Locate, in the data below, the line that contains "#139=IFCINDEXEDPOLYGONALFACE((51,52,56,55));" and the line that contains "#148=IFCINDEXEDPOLYGONALFACE((69,73,74,70));"; reproduce exactly those two lines and every line between them, nothing more.

[Collected data entries]
=-=-=

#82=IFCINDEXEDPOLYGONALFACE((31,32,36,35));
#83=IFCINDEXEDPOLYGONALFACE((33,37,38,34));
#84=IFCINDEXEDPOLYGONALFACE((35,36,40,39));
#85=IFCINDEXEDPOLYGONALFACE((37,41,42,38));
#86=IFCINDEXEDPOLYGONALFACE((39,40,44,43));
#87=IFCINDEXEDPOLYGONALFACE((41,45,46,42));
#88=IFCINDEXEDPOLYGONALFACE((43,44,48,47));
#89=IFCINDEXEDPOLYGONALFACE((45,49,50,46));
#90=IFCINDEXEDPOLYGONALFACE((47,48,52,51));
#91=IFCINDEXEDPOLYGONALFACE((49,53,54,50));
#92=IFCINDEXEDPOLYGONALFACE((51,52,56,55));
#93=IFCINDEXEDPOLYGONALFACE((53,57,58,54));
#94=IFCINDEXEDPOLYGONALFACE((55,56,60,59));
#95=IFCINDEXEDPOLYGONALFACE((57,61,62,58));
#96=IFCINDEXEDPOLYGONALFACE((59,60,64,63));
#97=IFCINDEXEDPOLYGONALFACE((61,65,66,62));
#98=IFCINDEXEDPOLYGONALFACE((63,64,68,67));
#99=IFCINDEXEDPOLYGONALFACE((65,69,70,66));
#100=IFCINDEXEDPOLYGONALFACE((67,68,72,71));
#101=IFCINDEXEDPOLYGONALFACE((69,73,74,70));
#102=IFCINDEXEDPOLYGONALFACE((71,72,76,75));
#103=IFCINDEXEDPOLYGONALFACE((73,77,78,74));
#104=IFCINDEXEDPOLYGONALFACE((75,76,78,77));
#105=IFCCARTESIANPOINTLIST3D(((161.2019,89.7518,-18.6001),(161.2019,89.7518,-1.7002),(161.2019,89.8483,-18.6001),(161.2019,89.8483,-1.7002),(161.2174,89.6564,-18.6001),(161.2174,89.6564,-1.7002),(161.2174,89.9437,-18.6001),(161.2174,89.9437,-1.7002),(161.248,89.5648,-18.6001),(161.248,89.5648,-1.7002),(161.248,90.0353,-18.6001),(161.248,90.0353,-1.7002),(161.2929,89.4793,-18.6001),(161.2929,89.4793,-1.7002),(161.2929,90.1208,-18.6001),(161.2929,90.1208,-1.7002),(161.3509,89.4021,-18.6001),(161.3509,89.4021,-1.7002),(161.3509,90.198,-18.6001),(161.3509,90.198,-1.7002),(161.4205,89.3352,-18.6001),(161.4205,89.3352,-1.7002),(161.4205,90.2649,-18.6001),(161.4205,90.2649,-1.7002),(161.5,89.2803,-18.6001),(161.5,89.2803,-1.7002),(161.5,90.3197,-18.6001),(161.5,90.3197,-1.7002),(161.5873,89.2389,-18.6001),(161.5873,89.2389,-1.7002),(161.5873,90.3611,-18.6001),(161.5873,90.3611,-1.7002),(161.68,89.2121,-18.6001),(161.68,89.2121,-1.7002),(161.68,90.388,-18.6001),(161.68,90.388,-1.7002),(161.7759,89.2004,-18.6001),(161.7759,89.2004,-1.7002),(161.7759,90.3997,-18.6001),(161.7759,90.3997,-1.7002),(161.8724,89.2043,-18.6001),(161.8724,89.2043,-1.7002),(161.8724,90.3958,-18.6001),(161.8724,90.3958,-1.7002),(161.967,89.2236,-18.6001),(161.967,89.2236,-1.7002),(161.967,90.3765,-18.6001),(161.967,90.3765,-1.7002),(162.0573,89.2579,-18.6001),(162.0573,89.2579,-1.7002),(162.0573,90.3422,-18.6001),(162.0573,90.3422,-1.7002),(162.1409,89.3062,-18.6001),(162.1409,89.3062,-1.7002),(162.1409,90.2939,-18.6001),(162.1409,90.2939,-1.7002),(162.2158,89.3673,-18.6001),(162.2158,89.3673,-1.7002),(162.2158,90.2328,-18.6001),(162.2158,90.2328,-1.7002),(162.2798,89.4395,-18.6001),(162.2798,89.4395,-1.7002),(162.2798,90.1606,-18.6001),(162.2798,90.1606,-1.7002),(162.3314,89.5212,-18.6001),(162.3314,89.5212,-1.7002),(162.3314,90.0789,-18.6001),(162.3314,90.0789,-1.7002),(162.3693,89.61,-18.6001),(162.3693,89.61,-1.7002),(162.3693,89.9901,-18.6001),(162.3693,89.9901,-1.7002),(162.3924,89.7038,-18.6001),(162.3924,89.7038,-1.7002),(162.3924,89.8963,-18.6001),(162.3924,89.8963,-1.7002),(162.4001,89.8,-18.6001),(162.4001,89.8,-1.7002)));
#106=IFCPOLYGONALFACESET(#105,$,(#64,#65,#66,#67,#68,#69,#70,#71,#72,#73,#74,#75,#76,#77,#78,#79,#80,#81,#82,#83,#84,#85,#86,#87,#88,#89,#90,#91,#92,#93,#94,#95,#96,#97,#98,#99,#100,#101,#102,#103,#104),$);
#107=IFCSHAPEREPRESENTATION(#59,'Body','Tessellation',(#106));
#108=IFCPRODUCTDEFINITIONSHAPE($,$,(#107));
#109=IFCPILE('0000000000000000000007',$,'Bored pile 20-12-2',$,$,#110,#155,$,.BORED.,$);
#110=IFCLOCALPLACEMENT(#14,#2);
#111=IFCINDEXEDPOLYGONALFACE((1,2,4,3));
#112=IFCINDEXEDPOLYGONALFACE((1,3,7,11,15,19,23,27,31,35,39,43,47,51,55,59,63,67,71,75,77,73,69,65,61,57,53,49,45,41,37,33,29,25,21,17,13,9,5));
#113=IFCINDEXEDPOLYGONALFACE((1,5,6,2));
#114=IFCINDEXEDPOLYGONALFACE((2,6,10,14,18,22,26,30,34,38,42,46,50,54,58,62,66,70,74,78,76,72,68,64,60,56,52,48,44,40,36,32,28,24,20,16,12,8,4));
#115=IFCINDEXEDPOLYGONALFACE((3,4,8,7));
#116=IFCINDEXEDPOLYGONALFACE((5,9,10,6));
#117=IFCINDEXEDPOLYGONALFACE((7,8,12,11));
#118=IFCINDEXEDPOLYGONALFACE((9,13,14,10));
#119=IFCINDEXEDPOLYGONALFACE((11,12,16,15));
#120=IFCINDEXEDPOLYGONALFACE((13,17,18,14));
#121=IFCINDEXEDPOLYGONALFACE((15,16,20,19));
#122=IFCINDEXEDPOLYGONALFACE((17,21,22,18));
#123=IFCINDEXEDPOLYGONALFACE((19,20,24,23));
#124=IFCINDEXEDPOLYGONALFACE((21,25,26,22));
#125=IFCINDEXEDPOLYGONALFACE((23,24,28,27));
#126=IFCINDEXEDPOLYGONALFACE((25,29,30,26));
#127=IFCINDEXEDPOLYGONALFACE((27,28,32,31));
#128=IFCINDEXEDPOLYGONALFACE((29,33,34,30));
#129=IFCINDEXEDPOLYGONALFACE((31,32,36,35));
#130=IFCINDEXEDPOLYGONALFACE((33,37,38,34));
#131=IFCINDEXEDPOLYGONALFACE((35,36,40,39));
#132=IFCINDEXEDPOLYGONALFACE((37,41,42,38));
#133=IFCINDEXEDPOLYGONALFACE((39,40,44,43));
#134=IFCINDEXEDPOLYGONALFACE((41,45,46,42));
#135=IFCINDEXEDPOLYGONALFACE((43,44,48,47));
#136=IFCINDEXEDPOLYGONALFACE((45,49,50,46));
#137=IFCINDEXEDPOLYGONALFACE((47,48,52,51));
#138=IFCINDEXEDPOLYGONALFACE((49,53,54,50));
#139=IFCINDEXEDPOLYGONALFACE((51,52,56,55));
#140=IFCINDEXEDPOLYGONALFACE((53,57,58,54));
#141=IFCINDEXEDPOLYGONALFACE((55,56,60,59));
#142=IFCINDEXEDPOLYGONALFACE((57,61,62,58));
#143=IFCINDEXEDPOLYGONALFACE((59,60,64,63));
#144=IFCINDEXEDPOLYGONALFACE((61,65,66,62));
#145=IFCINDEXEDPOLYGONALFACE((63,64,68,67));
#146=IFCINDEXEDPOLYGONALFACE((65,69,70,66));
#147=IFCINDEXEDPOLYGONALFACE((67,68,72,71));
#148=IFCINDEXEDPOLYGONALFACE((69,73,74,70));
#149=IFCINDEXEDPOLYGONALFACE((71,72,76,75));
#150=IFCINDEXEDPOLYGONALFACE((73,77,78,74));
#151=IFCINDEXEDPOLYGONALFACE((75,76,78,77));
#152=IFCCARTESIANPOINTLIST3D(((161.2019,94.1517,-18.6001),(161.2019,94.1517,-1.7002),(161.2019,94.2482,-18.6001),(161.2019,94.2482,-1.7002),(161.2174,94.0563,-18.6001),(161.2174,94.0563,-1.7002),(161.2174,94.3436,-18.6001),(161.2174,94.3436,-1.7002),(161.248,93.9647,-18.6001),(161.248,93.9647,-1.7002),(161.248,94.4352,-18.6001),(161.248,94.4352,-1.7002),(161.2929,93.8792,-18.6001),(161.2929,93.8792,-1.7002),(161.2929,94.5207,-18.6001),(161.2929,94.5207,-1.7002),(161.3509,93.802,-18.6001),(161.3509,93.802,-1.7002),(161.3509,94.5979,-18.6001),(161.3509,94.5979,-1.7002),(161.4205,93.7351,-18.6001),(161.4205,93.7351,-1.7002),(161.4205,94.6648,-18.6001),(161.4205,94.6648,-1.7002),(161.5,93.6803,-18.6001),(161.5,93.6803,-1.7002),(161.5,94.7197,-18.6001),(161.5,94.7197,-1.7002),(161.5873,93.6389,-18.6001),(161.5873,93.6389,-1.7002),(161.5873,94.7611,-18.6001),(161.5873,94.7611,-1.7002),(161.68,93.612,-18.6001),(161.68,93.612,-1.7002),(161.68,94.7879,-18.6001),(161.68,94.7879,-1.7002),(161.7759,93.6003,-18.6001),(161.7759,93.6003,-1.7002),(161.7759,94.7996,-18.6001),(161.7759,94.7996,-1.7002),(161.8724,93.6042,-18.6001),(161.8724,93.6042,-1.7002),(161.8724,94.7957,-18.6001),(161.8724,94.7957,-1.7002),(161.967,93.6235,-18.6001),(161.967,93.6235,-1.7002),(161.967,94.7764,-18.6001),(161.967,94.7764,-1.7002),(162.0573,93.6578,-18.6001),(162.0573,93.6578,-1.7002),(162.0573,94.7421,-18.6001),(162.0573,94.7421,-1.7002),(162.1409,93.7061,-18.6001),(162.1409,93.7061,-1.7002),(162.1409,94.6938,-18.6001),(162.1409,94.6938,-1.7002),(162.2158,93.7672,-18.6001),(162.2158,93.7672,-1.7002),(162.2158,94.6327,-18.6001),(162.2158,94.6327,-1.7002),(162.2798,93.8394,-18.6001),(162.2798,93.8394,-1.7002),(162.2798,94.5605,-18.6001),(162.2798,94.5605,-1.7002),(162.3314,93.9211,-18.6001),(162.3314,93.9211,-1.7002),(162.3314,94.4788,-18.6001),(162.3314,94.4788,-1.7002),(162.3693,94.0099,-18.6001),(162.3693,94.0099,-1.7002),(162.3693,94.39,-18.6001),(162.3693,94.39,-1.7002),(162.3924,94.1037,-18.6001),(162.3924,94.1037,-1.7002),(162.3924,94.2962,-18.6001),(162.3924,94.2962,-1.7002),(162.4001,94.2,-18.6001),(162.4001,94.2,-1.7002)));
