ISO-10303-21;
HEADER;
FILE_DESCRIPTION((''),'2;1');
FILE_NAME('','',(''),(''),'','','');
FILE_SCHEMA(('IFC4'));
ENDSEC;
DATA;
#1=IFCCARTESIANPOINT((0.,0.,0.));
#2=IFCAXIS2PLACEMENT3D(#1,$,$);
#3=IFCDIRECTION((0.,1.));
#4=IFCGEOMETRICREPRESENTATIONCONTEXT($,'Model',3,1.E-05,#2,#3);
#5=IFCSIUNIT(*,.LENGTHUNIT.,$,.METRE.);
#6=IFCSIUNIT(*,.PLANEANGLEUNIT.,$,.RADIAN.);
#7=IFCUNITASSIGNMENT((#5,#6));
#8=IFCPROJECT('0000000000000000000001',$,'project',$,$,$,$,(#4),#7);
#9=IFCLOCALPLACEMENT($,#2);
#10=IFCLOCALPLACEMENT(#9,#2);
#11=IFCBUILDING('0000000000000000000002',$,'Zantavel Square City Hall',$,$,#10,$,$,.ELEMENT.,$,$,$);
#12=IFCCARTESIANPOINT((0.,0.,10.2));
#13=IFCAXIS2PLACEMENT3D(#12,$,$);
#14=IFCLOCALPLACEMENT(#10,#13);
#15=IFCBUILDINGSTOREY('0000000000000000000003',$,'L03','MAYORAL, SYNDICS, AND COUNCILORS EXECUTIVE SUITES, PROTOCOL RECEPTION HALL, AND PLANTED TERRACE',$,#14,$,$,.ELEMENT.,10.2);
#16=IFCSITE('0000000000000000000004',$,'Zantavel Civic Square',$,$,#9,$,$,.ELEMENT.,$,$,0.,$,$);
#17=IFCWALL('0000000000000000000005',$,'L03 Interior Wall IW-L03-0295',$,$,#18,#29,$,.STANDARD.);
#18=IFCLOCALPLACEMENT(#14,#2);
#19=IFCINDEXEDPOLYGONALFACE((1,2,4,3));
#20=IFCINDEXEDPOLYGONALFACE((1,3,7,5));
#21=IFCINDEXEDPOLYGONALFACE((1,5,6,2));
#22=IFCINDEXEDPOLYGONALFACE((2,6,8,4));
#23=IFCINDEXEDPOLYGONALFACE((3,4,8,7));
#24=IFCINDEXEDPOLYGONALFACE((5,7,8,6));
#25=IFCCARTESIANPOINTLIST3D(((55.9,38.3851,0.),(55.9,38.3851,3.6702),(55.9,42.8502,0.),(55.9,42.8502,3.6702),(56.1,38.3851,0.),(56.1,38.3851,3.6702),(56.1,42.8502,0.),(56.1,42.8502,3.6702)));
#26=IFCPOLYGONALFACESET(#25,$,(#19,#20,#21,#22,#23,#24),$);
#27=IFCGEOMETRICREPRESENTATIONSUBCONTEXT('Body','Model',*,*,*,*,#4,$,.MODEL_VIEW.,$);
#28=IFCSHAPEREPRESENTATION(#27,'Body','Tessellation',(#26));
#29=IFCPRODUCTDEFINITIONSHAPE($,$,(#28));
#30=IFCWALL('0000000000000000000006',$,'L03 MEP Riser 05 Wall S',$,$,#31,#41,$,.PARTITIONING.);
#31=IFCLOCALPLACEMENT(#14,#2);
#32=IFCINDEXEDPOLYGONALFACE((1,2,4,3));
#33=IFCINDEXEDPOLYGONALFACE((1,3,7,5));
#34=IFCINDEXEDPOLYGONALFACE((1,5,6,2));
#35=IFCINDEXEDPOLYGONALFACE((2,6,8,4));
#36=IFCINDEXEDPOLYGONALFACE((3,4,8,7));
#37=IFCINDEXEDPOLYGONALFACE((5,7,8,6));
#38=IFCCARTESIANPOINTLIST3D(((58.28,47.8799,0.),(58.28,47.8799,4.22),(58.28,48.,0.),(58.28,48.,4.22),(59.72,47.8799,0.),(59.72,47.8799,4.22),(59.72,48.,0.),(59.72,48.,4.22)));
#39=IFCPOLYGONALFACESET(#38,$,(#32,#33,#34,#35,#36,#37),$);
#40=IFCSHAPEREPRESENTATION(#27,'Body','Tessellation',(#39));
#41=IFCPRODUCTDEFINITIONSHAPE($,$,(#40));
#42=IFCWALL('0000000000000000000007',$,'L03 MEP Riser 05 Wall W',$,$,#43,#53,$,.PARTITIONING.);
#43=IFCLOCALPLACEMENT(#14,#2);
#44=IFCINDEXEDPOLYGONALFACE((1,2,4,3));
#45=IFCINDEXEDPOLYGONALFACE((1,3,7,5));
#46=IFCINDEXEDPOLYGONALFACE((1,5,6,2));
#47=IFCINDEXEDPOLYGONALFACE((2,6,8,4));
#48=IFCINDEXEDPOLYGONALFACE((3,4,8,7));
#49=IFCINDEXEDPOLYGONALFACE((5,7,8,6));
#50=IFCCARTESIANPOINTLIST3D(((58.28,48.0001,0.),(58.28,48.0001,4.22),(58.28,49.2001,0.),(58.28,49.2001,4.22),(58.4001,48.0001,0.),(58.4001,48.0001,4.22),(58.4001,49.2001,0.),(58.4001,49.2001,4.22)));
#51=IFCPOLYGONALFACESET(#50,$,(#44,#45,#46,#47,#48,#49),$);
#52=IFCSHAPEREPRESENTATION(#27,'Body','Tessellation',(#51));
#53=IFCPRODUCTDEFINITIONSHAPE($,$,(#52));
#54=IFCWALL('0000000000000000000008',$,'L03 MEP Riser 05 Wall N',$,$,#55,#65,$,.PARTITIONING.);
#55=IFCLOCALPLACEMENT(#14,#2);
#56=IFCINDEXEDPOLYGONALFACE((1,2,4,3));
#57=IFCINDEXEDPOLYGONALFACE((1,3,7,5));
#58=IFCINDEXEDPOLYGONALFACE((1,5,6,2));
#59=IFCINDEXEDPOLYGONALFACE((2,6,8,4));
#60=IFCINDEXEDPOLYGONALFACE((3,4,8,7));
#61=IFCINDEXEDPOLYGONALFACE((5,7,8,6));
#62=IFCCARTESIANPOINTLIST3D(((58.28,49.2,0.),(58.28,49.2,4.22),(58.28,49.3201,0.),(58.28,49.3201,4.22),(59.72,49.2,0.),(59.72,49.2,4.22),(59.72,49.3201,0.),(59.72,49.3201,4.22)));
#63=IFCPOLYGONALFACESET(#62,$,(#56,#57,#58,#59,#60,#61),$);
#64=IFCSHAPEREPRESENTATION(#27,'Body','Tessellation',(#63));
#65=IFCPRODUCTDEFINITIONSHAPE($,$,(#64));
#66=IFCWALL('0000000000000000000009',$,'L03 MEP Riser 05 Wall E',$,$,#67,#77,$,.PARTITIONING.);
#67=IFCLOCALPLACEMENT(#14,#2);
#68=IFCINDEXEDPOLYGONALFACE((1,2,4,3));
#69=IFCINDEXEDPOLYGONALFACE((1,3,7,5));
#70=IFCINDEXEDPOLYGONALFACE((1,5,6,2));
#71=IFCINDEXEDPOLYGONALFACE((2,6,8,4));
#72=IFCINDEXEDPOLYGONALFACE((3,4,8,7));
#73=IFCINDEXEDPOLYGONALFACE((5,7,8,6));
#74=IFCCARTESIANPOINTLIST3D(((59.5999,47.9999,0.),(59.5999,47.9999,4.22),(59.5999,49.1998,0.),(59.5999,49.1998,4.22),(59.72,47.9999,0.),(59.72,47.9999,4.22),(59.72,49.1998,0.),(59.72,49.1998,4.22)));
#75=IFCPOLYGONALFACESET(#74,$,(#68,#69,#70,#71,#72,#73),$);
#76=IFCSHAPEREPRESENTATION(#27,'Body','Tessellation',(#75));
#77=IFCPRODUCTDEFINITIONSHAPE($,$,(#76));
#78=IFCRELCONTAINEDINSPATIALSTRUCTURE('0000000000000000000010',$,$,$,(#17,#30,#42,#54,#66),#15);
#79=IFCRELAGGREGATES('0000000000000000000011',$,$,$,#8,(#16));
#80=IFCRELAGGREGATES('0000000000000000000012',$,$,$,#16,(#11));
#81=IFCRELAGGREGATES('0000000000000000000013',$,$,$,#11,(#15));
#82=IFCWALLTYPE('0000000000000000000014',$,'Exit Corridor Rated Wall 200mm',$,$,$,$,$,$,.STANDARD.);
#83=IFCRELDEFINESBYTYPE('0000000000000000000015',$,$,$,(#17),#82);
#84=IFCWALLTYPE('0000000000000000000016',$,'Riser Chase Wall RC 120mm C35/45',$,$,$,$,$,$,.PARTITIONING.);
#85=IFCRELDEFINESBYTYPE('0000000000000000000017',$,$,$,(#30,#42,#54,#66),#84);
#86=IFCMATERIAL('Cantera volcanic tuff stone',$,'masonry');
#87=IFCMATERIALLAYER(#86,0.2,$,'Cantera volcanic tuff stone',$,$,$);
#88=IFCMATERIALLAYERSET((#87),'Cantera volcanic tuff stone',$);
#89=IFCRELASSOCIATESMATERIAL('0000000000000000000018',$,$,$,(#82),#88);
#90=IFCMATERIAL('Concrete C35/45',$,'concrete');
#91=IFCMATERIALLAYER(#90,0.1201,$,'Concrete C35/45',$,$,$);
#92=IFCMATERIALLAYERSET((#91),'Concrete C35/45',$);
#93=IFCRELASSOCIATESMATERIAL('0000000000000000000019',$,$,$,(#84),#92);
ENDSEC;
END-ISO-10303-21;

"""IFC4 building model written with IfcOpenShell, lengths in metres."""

from ifc_helpers import new_model, si_unit, direction, frame, frame_2d, origin, place, context, subcontext, project, spatial, rectangle, extrude, material, layer, layer_set, type_object, element, save


model = new_model("IFC4")

# Units and contexts
model_context = context("Model", 3, precision=1e-05, world=origin(), true_north=direction((0.0, 1.0)))
body_context = subcontext(model_context, "Body", "Model", "MODEL_VIEW")
ifc_project = project(units=[si_unit("LENGTHUNIT", "METRE"), si_unit("PLANEANGLEUNIT", "RADIAN")], contexts=[model_context])

# Site, building, storey
site_placement = place(None, origin())
site = spatial("IfcSite", under=ifc_project, at=site_placement, Name="Zantavel Civic Square", CompositionType="ELEMENT", RefElevation=0.0)
building_placement = place(site_placement, origin())
building = spatial("IfcBuilding", under=site, at=building_placement, Name="Zantavel Square City Hall", CompositionType="ELEMENT")
storey_placement = place(building_placement, frame((0.0, 0.0, 10.2)))
storey = spatial("IfcBuildingStorey", under=building, at=storey_placement, Name="L03", Description="MAYORAL, SYNDICS, AND COUNCILORS EXECUTIVE SUITES, PROTOCOL RECEPTION HALL, AND PLANTED TERRACE", CompositionType="ELEMENT", Elevation=10.2)

# Shared definitions
ifc_material_1 = material(Name="Concrete C35/45", Category="concrete")

# Shared definitions
ifc_material_2 = material(Name="Cantera volcanic tuff stone", Category="masonry")
ifc_layer_1 = layer(ifc_material_2, 0.2, Name="Cantera volcanic tuff stone")
ifc_layer_set_1 = layer_set([ifc_layer_1], Name="Cantera volcanic tuff stone")
wall_type_1 = type_object("IfcWallType", Name="Exit Corridor Rated Wall 200mm", PredefinedType="STANDARD", material=ifc_layer_set_1)

# Walls
wall_1_placement = place(storey_placement, frame((56.0, 42.8501, 0.0), z_axis=(0.0, 0.0, 1.0), x_axis=(0.0, -1.0, 0.0)))
element("IfcWall", 1, at=wall_1_placement, inside=storey, type_object=wall_type_1, Name="L03 Interior Wall IW-L03-0295", PredefinedType="STANDARD", context=body_context, shape_type="SweptSolid", body=[
    extrude(rectangle(XDim=4.4651, YDim=0.2, at=frame_2d((2.2324, 0.0))), origin(), (0.0, 0.0, 1.0), 3.6702),
])
ifc_layer_2 = layer(ifc_material_1, 0.1201, Name="Concrete C35/45")
ifc_layer_set_2 = layer_set([ifc_layer_2], Name="Concrete C35/45")
wall_type_2 = type_object("IfcWallType", Name="Riser Chase Wall RC 120mm C35/45", PredefinedType="PARTITIONING", material=ifc_layer_set_2)
wall_2_placement = place(storey_placement, frame((59.72, 47.9399, 0.0), z_axis=(0.0, 0.0, 1.0), x_axis=(-1.0, 0.0, 0.0)))
element("IfcWall", 2, at=wall_2_placement, inside=storey, type_object=wall_type_2, Name="L03 MEP Riser 05 Wall S", PredefinedType="PARTITIONING", context=body_context, shape_type="SweptSolid", body=[
    extrude(rectangle(XDim=1.4399, YDim=0.1201, at=frame_2d((0.72, 0.0))), origin(), (0.0, 0.0, 1.0), 4.22),
])
wall_3_placement = place(storey_placement, frame((58.3401, 48.0, 0.0), z_axis=(0.0, 0.0, 1.0), x_axis=(0.0, 1.0, 0.0)))
element("IfcWall", 3, at=wall_3_placement, inside=storey, type_object=wall_type_2, Name="L03 MEP Riser 05 Wall W", PredefinedType="PARTITIONING", context=body_context, shape_type="SweptSolid", body=[
    extrude(rectangle(XDim=1.2, YDim=0.1201, at=frame_2d((0.6001, 0.0))), origin(), (0.0, 0.0, 1.0), 4.22),
])
wall_4_placement = place(storey_placement, frame((58.28, 49.26, 0.0), z_axis=(0.0, 0.0, 1.0), x_axis=(1.0, 0.0, 0.0)))
element("IfcWall", 4, at=wall_4_placement, inside=storey, type_object=wall_type_2, Name="L03 MEP Riser 05 Wall N", PredefinedType="PARTITIONING", context=body_context, shape_type="SweptSolid", body=[
    extrude(rectangle(XDim=1.4399, YDim=0.1201, at=frame_2d((0.72, 0.0))), origin(), (0.0, 0.0, 1.0), 4.22),
])
wall_5_placement = place(storey_placement, frame((59.6599, 49.2, 0.0), z_axis=(0.0, 0.0, 1.0), x_axis=(0.0, -1.0, 0.0)))
element("IfcWall", 5, at=wall_5_placement, inside=storey, type_object=wall_type_2, Name="L03 MEP Riser 05 Wall E", PredefinedType="PARTITIONING", context=body_context, shape_type="SweptSolid", body=[
    extrude(rectangle(XDim=1.2, YDim=0.1201, at=frame_2d((0.6001, 0.0))), origin(), (0.0, 0.0, 1.0), 4.22),
])

save(model, "model.ifc")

=-=-=

# Answer area
#139=IFCINDEXEDPOLYGONALFACE((51,52,56,55));
#140=IFCINDEXEDPOLYGONALFACE((53,57,58,54));
#141=IFCINDEXEDPOLYGONALFACE((55,56,60,59));
#142=IFCINDEXEDPOLYGONALFACE((57,61,62,58));
#143=IFCINDEXEDPOLYGONALFACE((59,60,64,63));
#144=IFCINDEXEDPOLYGONALFACE((61,65,66,62));
#145=IFCINDEXEDPOLYGONALFACE((63,64,68,67));
#146=IFCINDEXEDPOLYGONALFACE((65,69,70,66));
#147=IFCINDEXEDPOLYGONALFACE((67,68,72,71));
#148=IFCINDEXEDPOLYGONALFACE((69,73,74,70));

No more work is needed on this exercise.